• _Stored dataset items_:
^^^^^^^^^^^^^^^^
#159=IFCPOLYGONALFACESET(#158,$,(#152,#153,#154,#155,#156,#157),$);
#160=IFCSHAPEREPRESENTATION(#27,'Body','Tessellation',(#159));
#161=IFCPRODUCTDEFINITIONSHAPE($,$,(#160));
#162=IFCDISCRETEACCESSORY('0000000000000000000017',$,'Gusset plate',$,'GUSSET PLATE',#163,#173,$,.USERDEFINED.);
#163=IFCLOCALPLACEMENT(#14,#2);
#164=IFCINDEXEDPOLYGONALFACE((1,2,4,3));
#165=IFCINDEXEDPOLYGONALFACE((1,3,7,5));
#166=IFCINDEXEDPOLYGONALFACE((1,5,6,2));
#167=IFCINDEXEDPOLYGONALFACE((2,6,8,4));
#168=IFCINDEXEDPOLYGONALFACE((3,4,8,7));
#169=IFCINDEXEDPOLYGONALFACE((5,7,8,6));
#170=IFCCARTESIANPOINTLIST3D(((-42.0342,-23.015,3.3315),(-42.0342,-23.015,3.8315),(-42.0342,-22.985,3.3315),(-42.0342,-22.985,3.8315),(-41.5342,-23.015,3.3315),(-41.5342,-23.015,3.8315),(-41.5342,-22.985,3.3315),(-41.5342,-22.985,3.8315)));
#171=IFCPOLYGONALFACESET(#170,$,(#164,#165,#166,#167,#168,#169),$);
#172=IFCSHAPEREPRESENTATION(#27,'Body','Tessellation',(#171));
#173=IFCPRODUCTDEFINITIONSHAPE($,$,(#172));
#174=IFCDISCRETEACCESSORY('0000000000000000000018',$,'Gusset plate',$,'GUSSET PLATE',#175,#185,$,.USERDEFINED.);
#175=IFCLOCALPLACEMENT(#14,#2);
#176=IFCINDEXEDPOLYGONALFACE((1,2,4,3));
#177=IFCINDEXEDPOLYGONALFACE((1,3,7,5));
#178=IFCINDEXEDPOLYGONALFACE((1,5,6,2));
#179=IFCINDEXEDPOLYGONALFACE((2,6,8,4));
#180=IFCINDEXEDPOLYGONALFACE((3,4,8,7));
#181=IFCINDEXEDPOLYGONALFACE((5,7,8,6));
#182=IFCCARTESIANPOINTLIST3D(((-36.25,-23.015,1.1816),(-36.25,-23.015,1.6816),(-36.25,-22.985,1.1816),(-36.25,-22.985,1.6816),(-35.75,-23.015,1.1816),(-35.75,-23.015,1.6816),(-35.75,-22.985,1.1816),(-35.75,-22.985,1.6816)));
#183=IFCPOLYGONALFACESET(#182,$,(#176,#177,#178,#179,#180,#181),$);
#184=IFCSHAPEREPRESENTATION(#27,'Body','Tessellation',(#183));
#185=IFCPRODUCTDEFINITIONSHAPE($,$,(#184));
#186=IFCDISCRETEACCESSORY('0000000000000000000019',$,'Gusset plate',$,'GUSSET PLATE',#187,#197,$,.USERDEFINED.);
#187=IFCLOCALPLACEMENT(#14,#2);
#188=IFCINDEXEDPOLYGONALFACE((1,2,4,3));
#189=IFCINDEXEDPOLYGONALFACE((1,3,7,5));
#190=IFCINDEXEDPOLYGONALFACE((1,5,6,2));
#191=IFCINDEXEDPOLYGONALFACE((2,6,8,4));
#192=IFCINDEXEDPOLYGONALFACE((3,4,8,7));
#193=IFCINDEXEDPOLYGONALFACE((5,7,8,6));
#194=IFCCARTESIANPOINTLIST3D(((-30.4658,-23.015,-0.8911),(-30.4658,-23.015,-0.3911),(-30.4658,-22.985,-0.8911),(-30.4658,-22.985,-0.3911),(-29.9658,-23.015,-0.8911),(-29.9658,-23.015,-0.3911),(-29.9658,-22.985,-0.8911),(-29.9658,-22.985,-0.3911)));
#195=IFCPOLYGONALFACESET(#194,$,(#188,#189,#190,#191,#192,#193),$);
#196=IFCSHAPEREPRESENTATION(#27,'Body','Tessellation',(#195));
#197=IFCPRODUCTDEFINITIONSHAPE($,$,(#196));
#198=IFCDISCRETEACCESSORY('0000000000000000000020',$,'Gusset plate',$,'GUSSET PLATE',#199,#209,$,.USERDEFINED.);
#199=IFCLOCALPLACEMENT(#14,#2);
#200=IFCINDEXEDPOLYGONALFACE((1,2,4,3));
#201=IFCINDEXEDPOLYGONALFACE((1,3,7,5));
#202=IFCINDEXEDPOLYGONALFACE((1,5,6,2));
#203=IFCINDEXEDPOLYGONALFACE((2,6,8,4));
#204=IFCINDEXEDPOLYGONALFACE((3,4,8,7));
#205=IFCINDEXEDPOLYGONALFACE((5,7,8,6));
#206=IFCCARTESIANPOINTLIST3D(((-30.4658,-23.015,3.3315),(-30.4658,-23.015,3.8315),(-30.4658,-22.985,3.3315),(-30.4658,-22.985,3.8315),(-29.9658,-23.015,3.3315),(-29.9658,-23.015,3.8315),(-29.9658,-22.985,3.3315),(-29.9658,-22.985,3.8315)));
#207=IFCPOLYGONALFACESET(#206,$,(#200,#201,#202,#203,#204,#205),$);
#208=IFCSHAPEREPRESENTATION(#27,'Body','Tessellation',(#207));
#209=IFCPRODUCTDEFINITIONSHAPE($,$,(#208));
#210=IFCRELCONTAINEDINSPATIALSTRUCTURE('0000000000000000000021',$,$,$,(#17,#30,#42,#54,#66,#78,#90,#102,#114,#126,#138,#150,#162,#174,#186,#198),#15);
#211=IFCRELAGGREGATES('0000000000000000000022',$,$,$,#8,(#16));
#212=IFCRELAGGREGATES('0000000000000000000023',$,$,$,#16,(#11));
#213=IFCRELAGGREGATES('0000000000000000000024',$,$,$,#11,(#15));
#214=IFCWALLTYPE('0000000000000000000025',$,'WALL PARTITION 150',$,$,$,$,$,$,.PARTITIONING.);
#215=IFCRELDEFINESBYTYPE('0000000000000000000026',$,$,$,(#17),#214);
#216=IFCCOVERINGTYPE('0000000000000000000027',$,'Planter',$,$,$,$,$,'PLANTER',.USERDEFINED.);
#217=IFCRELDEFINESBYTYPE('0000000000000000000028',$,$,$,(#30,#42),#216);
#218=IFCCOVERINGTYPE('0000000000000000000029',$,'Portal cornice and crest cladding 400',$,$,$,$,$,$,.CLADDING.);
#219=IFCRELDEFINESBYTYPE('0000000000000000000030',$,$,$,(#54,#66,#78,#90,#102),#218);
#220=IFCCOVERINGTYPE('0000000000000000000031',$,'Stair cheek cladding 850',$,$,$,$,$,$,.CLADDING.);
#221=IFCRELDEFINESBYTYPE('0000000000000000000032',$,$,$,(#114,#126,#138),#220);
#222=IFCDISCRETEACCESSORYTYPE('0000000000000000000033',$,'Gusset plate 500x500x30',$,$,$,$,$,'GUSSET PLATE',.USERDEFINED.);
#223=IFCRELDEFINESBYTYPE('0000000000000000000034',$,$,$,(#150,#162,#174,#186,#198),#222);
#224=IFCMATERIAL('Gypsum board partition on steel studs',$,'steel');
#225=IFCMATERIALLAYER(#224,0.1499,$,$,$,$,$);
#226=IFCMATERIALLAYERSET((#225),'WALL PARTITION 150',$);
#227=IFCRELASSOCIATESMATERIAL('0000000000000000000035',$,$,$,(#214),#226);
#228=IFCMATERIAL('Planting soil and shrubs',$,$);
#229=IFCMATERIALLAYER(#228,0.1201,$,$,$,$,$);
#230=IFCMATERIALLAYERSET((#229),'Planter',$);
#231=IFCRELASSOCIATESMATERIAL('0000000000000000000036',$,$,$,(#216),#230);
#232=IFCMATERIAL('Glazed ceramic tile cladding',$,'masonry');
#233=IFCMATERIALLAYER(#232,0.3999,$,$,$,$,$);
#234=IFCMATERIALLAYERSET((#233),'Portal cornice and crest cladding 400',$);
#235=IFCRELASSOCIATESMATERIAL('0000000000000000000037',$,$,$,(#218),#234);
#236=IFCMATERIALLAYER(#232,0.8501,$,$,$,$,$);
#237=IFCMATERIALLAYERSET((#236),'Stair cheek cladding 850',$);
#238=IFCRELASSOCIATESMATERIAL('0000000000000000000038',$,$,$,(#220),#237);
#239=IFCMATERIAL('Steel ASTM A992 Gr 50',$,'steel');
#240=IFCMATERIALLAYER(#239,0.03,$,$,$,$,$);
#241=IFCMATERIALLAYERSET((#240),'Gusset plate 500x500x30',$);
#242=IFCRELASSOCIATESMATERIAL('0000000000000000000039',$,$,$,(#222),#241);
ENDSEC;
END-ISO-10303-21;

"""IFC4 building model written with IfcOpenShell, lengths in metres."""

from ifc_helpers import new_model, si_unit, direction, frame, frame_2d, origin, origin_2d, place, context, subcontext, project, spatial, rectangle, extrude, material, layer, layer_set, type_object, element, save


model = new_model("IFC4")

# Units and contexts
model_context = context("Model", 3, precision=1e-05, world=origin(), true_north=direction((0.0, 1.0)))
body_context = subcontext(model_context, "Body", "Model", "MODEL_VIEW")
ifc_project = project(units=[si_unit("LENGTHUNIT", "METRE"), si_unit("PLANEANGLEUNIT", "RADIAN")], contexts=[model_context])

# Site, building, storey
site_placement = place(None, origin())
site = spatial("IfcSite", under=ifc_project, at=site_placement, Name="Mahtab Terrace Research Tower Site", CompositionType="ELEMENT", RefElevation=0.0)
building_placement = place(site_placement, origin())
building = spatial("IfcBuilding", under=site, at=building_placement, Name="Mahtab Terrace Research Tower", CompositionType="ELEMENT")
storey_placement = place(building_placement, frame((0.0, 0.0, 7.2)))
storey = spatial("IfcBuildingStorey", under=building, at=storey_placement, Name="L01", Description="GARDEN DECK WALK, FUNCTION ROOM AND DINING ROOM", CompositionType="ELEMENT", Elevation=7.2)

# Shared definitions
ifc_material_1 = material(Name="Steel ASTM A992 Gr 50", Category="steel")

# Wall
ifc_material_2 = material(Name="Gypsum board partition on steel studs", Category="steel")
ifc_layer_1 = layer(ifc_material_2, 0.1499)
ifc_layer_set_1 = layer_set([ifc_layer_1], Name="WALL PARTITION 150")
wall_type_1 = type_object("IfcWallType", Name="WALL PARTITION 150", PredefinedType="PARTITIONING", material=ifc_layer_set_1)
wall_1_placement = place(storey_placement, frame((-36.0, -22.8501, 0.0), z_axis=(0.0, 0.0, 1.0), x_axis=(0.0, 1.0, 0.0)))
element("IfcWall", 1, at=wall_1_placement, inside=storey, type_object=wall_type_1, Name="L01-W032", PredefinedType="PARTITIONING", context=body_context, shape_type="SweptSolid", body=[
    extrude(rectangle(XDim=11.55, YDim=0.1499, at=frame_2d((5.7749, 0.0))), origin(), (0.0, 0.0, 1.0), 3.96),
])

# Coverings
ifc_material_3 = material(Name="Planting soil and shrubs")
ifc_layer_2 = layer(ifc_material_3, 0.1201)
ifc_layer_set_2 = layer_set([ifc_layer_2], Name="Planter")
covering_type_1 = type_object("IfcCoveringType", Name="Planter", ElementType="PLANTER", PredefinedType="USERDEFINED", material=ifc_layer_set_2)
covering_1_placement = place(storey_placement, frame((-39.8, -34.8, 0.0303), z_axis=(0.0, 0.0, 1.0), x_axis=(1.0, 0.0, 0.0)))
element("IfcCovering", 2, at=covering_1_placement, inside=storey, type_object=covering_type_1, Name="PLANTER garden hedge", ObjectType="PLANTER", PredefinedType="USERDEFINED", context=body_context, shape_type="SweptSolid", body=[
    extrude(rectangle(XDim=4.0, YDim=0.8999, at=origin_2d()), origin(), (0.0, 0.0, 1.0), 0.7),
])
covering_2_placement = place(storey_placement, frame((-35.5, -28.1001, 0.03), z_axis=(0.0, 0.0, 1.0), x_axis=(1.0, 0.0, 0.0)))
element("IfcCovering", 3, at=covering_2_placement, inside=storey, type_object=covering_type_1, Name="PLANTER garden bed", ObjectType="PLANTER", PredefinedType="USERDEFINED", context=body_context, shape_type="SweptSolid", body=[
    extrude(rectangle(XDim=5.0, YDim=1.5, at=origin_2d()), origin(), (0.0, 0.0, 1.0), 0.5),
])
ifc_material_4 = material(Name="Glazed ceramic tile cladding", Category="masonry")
^^^^^^^^^^^^^^^^
• _Problem details_:
Starting with the first line of the records, repeat every line up to and including the one containing "#173=IFCPRODUCTDEFINITIONSHAPE($,$,(#172));", and nothing else.

• _Result of this task_:
#159=IFCPOLYGONALFACESET(#158,$,(#152,#153,#154,#155,#156,#157),$);
#160=IFCSHAPEREPRESENTATION(#27,'Body','Tessellation',(#159));
#161=IFCPRODUCTDEFINITIONSHAPE($,$,(#160));
#162=IFCDISCRETEACCESSORY('0000000000000000000017',$,'Gusset plate',$,'GUSSET PLATE',#163,#173,$,.USERDEFINED.);
#163=IFCLOCALPLACEMENT(#14,#2);
#164=IFCINDEXEDPOLYGONALFACE((1,2,4,3));
#165=IFCINDEXEDPOLYGONALFACE((1,3,7,5));
#166=IFCINDEXEDPOLYGONALFACE((1,5,6,2));
#167=IFCINDEXEDPOLYGONALFACE((2,6,8,4));
#168=IFCINDEXEDPOLYGONALFACE((3,4,8,7));
#169=IFCINDEXEDPOLYGONALFACE((5,7,8,6));
#170=IFCCARTESIANPOINTLIST3D(((-42.0342,-23.015,3.3315),(-42.0342,-23.015,3.8315),(-42.0342,-22.985,3.3315),(-42.0342,-22.985,3.8315),(-41.5342,-23.015,3.3315),(-41.5342,-23.015,3.8315),(-41.5342,-22.985,3.3315),(-41.5342,-22.985,3.8315)));
#171=IFCPOLYGONALFACESET(#170,$,(#164,#165,#166,#167,#168,#169),$);
#172=IFCSHAPEREPRESENTATION(#27,'Body','Tessellation',(#171));
#173=IFCPRODUCTDEFINITIONSHAPE($,$,(#172));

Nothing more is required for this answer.